Search the entries for the word "sizes" and report each line that has it.

______

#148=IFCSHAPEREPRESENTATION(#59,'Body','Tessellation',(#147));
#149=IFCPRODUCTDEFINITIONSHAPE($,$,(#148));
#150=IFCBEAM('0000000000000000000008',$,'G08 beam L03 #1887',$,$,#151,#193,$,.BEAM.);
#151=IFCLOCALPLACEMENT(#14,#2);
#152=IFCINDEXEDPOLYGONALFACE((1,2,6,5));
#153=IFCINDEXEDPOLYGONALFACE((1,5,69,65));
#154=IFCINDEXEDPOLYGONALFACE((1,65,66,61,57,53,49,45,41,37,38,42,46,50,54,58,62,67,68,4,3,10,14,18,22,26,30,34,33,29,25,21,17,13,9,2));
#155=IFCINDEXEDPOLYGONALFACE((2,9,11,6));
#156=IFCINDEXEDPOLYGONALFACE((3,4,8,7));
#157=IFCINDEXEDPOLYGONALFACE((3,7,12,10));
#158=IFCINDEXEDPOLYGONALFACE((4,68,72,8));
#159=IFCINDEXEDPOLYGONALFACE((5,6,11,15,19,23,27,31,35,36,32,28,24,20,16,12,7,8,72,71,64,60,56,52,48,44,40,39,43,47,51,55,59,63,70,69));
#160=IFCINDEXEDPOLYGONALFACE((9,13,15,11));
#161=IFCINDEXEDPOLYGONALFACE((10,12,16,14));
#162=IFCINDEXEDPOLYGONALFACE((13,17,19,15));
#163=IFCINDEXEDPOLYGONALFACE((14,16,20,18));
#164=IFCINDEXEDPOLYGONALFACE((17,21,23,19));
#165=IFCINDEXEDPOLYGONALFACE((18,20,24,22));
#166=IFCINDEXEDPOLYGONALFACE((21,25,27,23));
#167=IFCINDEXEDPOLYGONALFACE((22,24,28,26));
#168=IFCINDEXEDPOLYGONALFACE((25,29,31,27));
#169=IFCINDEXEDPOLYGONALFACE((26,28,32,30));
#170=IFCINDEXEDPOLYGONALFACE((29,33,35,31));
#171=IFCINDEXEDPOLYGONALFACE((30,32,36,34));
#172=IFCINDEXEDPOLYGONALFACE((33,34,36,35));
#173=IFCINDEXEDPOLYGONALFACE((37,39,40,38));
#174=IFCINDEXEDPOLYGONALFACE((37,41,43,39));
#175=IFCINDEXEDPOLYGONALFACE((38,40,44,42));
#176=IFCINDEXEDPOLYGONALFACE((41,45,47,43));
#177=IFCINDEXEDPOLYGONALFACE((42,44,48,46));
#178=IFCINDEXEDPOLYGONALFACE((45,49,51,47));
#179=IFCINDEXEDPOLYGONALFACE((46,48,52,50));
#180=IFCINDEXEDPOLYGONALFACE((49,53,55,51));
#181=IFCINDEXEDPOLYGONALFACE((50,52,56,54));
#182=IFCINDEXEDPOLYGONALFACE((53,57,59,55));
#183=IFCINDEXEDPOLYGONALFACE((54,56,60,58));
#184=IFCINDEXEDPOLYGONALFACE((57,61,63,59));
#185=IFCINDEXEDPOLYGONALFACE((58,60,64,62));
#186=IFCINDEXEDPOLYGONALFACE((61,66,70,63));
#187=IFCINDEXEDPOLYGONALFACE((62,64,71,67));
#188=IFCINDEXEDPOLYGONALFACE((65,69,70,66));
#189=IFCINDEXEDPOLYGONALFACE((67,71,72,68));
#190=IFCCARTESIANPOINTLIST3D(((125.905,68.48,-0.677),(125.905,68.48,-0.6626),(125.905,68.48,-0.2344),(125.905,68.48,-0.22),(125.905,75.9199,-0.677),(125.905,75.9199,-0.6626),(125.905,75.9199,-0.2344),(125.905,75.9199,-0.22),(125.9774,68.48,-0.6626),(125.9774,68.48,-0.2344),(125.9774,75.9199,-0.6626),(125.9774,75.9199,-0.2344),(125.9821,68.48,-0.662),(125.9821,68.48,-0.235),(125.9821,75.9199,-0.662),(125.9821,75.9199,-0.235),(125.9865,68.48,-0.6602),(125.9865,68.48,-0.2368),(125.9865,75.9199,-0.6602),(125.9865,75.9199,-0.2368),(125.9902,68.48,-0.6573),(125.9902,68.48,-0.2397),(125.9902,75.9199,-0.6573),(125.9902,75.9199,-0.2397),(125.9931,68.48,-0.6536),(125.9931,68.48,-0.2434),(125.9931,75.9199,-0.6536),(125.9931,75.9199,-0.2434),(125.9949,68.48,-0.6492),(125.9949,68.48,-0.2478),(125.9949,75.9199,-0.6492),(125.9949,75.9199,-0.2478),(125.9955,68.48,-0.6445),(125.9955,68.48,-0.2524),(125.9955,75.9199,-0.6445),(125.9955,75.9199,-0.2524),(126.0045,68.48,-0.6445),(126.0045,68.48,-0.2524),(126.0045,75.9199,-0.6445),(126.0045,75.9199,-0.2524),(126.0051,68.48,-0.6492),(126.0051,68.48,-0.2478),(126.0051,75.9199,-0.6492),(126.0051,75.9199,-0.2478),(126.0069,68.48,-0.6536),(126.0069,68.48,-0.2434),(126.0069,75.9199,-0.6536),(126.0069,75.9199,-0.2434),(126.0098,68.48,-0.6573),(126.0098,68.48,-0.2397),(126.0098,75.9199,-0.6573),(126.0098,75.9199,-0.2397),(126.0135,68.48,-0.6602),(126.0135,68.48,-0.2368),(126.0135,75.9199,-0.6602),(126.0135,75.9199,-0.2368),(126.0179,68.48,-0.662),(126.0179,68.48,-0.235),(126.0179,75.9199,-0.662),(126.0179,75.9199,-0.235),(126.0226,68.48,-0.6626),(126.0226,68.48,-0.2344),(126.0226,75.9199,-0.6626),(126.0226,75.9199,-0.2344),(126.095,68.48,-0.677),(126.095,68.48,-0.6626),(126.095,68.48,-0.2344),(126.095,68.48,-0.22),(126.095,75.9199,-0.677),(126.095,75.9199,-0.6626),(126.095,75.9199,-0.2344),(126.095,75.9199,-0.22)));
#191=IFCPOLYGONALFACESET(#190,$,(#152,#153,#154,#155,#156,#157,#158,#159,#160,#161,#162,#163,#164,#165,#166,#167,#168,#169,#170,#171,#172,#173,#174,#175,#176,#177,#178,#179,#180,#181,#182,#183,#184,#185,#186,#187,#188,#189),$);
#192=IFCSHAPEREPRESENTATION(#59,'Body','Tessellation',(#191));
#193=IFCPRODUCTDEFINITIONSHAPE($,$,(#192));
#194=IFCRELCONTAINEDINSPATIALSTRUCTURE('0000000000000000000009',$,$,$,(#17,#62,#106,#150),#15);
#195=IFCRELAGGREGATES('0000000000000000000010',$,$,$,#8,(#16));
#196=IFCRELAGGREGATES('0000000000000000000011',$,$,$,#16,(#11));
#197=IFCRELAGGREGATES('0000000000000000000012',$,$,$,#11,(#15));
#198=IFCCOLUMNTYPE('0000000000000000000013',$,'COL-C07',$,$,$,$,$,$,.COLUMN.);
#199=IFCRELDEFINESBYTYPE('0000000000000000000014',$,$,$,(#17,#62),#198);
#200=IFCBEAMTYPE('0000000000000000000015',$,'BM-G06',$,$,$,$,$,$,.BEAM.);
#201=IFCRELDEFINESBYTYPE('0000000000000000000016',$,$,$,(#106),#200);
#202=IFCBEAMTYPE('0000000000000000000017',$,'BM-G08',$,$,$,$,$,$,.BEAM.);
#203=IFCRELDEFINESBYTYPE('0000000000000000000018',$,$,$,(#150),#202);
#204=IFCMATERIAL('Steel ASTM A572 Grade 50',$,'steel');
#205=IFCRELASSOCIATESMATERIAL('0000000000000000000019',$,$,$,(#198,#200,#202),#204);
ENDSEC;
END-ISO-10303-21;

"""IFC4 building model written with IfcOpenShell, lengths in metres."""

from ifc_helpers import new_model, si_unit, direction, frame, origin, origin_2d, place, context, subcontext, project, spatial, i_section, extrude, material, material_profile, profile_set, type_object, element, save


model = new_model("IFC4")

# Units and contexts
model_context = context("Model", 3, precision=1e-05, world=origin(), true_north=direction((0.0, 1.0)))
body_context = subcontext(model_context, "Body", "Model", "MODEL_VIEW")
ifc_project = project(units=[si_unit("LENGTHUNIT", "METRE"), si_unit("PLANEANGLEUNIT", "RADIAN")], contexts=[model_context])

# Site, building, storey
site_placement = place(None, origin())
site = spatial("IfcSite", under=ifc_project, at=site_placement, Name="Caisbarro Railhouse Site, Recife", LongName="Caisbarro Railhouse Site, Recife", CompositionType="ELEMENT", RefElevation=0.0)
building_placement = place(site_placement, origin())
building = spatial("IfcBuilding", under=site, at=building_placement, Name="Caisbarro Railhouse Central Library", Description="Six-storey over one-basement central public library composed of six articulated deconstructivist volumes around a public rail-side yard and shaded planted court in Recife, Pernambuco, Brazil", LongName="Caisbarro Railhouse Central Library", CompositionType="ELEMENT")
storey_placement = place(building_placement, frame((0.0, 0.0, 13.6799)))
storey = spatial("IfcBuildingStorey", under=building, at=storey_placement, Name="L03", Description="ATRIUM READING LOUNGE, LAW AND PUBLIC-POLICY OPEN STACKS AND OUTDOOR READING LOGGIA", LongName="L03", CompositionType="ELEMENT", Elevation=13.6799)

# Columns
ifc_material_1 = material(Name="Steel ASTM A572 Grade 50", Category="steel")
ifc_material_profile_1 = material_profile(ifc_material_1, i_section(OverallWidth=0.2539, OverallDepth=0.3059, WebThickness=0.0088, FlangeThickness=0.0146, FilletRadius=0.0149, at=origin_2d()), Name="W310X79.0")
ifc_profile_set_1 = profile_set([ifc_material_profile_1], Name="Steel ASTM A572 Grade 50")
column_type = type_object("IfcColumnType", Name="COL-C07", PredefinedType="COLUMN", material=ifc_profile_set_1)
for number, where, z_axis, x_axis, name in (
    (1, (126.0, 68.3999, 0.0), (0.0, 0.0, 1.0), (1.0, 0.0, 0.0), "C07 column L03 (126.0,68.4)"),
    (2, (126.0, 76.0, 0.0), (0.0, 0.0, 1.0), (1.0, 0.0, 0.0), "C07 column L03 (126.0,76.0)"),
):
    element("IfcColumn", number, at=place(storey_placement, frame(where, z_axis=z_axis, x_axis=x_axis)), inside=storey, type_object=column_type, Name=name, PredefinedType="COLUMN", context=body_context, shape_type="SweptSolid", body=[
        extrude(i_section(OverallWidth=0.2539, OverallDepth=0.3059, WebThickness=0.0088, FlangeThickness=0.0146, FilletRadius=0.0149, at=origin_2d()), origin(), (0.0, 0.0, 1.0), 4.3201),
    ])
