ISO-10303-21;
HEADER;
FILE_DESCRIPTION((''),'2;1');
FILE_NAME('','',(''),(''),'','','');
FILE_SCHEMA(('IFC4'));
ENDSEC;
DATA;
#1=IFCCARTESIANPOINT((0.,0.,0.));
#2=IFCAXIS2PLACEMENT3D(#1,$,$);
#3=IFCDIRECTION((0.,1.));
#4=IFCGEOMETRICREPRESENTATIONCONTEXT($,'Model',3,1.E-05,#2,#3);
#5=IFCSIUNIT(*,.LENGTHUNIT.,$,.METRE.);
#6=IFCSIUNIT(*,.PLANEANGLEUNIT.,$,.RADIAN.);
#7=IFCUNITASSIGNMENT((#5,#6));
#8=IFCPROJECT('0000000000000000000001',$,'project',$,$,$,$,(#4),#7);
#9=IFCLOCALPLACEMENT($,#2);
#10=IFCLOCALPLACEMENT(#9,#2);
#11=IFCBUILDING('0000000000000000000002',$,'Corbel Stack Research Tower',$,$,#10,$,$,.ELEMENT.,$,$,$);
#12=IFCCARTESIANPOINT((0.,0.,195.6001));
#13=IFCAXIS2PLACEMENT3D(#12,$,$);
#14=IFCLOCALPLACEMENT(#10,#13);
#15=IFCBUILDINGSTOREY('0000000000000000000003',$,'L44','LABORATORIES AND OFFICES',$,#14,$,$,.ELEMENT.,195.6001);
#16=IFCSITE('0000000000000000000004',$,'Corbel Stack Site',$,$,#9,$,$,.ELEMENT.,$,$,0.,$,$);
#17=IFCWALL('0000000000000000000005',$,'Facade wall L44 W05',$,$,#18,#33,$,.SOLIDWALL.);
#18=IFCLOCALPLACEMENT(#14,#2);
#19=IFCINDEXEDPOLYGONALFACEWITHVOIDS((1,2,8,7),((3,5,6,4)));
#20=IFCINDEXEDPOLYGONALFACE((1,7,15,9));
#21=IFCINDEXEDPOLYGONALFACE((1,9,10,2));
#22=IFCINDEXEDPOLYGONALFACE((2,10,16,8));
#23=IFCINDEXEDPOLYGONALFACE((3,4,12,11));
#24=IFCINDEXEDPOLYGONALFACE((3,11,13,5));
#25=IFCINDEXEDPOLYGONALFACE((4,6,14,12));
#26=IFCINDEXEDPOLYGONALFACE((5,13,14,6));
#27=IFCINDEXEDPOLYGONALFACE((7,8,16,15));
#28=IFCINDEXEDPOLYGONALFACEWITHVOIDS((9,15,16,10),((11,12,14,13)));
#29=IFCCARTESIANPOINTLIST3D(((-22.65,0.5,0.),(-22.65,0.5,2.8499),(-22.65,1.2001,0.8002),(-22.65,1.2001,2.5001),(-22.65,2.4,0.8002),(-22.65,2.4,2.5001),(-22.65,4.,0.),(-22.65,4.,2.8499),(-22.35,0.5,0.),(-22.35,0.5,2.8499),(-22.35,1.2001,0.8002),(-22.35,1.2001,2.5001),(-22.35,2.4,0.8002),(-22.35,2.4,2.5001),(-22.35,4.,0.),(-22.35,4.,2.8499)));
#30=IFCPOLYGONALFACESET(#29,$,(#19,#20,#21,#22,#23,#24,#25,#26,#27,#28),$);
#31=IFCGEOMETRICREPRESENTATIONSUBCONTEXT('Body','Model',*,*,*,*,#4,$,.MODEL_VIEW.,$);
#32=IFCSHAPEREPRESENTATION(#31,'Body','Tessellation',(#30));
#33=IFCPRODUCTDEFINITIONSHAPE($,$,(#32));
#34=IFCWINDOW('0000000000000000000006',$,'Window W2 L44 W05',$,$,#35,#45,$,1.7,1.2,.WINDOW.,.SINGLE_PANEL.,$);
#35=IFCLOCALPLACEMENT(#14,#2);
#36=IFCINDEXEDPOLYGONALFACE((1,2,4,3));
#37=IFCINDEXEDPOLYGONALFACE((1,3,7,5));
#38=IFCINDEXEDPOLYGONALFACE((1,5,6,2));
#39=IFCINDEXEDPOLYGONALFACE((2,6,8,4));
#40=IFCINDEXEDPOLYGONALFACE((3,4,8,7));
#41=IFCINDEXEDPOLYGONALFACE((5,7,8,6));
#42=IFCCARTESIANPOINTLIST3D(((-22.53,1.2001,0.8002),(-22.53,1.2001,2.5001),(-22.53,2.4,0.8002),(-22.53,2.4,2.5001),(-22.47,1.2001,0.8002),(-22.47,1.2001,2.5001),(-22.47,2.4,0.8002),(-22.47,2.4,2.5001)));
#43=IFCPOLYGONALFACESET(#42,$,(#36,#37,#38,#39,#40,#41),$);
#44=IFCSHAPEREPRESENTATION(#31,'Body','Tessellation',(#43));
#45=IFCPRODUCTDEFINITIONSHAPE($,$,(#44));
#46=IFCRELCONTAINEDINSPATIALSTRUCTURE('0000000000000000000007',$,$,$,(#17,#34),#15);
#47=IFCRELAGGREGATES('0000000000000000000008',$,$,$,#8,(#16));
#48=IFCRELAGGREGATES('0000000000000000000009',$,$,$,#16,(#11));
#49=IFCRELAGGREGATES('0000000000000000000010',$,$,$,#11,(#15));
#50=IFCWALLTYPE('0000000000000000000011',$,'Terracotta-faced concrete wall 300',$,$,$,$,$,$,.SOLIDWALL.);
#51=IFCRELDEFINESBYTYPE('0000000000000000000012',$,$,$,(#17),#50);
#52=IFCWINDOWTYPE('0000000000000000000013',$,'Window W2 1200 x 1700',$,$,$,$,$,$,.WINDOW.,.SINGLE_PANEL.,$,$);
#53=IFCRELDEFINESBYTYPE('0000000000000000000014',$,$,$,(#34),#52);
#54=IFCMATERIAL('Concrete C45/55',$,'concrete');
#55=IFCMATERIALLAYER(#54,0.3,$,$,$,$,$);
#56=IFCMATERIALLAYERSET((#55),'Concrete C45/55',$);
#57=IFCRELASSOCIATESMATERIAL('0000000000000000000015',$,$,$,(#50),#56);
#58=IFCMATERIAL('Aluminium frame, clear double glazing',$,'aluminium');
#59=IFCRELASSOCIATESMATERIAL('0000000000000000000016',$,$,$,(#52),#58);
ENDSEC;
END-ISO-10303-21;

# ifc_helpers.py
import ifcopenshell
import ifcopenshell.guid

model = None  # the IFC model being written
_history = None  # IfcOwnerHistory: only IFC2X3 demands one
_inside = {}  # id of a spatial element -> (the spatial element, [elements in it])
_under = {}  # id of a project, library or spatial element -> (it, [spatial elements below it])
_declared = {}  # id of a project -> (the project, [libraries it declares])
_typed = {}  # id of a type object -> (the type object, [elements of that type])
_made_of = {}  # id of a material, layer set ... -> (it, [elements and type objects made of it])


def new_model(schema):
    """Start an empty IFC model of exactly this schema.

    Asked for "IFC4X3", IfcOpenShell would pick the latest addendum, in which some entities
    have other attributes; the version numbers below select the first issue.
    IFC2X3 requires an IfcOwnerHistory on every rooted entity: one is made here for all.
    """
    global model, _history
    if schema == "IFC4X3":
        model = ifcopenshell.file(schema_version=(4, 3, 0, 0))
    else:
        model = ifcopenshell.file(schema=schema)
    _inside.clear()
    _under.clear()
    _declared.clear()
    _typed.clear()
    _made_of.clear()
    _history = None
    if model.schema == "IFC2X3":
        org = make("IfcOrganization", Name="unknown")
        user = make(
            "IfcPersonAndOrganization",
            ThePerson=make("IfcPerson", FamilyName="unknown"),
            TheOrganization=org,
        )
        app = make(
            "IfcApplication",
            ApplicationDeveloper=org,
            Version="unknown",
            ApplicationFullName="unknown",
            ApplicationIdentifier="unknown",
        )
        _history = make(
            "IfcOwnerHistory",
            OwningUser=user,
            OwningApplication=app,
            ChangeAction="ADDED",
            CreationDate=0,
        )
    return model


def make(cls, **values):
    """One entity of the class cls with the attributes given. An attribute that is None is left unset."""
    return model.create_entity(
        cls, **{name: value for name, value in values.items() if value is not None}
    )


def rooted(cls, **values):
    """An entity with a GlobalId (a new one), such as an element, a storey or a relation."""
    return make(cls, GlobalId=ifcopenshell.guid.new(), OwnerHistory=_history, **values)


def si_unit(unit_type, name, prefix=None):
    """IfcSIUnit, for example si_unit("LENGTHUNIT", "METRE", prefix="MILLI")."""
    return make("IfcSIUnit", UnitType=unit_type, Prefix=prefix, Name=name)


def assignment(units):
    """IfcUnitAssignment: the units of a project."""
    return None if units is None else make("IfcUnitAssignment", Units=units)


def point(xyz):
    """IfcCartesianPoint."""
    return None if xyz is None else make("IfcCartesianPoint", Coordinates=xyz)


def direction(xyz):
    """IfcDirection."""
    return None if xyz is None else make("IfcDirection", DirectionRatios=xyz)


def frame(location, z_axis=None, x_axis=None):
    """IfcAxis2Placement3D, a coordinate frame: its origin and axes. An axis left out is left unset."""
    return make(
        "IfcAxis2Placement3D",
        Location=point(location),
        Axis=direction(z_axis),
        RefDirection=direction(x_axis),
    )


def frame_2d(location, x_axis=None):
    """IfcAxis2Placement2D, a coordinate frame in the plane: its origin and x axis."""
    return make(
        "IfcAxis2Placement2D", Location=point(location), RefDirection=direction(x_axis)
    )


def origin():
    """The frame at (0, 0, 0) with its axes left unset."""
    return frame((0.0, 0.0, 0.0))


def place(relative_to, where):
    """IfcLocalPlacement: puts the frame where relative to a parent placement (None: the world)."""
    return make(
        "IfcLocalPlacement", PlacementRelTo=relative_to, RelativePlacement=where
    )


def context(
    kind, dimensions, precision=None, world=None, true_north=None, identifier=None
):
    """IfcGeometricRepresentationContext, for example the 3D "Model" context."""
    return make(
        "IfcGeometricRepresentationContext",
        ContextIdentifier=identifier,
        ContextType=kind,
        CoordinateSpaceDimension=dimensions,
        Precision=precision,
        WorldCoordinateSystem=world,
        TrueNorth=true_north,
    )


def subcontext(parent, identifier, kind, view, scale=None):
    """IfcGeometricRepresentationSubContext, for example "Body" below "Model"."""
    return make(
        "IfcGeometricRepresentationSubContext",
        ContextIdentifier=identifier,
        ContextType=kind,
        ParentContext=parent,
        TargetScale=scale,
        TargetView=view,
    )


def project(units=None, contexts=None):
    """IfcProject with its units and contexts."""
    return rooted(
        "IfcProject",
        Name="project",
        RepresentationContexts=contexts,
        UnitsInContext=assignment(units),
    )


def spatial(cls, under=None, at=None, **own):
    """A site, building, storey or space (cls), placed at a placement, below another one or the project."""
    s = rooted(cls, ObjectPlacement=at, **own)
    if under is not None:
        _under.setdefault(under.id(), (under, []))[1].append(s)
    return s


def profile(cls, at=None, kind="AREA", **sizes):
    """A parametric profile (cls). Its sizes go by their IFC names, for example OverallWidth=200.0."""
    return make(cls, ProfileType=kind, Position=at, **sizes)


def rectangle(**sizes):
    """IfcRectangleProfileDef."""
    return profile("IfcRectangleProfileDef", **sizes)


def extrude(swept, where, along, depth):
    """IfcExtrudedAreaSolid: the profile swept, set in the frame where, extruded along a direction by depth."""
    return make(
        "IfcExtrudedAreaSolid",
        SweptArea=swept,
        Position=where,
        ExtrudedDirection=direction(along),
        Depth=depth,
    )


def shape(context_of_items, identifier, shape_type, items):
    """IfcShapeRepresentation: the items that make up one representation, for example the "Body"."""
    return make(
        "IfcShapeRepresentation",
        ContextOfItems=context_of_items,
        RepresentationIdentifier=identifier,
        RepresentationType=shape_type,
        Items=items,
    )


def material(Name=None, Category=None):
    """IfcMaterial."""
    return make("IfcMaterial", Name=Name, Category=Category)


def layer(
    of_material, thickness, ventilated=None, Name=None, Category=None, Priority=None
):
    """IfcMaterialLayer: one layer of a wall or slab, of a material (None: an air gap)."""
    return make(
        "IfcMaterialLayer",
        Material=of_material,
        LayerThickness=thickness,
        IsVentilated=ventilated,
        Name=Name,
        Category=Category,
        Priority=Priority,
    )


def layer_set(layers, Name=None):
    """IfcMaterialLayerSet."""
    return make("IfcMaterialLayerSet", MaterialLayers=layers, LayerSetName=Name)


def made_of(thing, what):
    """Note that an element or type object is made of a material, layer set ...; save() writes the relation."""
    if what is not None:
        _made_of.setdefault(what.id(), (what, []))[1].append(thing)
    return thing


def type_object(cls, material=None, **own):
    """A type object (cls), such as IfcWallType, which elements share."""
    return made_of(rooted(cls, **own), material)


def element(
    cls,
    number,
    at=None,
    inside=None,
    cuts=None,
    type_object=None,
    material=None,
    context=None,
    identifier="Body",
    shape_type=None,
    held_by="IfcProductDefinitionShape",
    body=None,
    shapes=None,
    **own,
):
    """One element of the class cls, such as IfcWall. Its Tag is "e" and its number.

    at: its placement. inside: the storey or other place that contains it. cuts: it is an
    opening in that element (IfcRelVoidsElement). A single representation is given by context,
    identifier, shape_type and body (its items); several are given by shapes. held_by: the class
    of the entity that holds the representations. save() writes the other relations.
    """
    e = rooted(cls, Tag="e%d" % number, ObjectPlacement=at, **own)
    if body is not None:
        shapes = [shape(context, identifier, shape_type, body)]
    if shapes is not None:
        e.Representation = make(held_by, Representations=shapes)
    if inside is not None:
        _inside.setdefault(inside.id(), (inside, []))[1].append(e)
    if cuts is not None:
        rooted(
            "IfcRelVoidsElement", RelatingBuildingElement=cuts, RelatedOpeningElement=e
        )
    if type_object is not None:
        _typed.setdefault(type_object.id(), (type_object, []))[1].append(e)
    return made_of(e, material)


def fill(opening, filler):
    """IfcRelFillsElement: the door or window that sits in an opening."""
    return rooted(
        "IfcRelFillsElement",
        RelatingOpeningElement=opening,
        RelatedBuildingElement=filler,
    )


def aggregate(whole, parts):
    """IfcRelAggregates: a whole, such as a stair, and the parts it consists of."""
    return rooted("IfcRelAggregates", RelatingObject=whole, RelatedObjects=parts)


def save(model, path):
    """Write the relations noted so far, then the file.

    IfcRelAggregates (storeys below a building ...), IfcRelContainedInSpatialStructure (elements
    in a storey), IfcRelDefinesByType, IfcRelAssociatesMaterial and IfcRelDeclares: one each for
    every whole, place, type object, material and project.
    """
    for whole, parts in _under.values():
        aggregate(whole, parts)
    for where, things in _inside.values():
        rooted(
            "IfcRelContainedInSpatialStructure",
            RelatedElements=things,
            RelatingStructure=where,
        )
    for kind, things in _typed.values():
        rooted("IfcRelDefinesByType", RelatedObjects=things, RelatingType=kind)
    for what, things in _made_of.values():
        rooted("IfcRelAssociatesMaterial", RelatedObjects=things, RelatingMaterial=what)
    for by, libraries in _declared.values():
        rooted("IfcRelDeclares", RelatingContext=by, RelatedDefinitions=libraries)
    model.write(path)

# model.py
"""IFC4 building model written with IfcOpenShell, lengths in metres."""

from ifc_helpers import new_model, si_unit, direction, frame, frame_2d, origin, place, context, subcontext, project, spatial, rectangle, extrude, material, layer, layer_set, type_object, element, fill, save


model = new_model("IFC4")

# Units and contexts
model_context = context("Model", 3, precision=1e-05, world=origin(), true_north=direction((0.0, 1.0)))
body_context = subcontext(model_context, "Body", "Model", "MODEL_VIEW")
ifc_project = project(units=[si_unit("LENGTHUNIT", "METRE"), si_unit("PLANEANGLEUNIT", "RADIAN")], contexts=[model_context])

# Site, building, storey
site_placement = place(None, origin())
site = spatial("IfcSite", under=ifc_project, at=site_placement, Name="Corbel Stack Site", CompositionType="ELEMENT", RefElevation=0.0)
building_placement = place(site_placement, origin())
building = spatial("IfcBuilding", under=site, at=building_placement, Name="Corbel Stack Research Tower", CompositionType="ELEMENT")
storey_placement = place(building_placement, frame((0.0, 0.0, 195.6001)))
storey = spatial("IfcBuildingStorey", under=building, at=storey_placement, Name="L44", Description="LABORATORIES AND OFFICES", CompositionType="ELEMENT", Elevation=195.6001)

# Wall, opening, window
ifc_material_1 = material(Name="Concrete C45/55", Category="concrete")
ifc_layer_1 = layer(ifc_material_1, 0.3)
ifc_layer_set_1 = layer_set([ifc_layer_1], Name="Concrete C45/55")
wall_type_1 = type_object("IfcWallType", Name="Terracotta-faced concrete wall 300", PredefinedType="SOLIDWALL", material=ifc_layer_set_1)
ifc_material_2 = material(Name="Aluminium frame, clear double glazing", Category="aluminium")
window_type_1 = type_object("IfcWindowType", Name="Window W2 1200 x 1700", PartitioningType="SINGLE_PANEL", PredefinedType="WINDOW", material=ifc_material_2)
wall_1_placement = place(storey_placement, frame((-22.5, 0.5, 0.0), z_axis=(0.0, 0.0, 1.0), x_axis=(0.0, 1.0, 0.0)))
wall_1 = element("IfcWall", 1, at=wall_1_placement, inside=storey, type_object=wall_type_1, Name="Facade wall L44 W05", PredefinedType="SOLIDWALL", context=body_context, shape_type="SweptSolid", body=[
    extrude(rectangle(XDim=3.5, YDim=0.3, at=frame_2d((1.75, 0.0))), origin(), (0.0, 0.0, 1.0), 2.8499),
])
opening_1_placement = place(wall_1_placement, frame((0.7, 0.0, 0.8)))
opening_1 = element("IfcOpeningElement", 2, at=opening_1_placement, cuts=wall_1, PredefinedType="OPENING", context=body_context, shape_type="SweptSolid", body=[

______

● Answer for the task:
def profile(cls, at=None, kind="AREA", **sizes):
    """A parametric profile (cls). Its sizes go by their IFC names, for example OverallWidth=200.0."""
    return make(cls, ProfileType=kind, Position=at, **sizes)
def rectangle(**sizes):
    return profile("IfcRectangleProfileDef", **sizes)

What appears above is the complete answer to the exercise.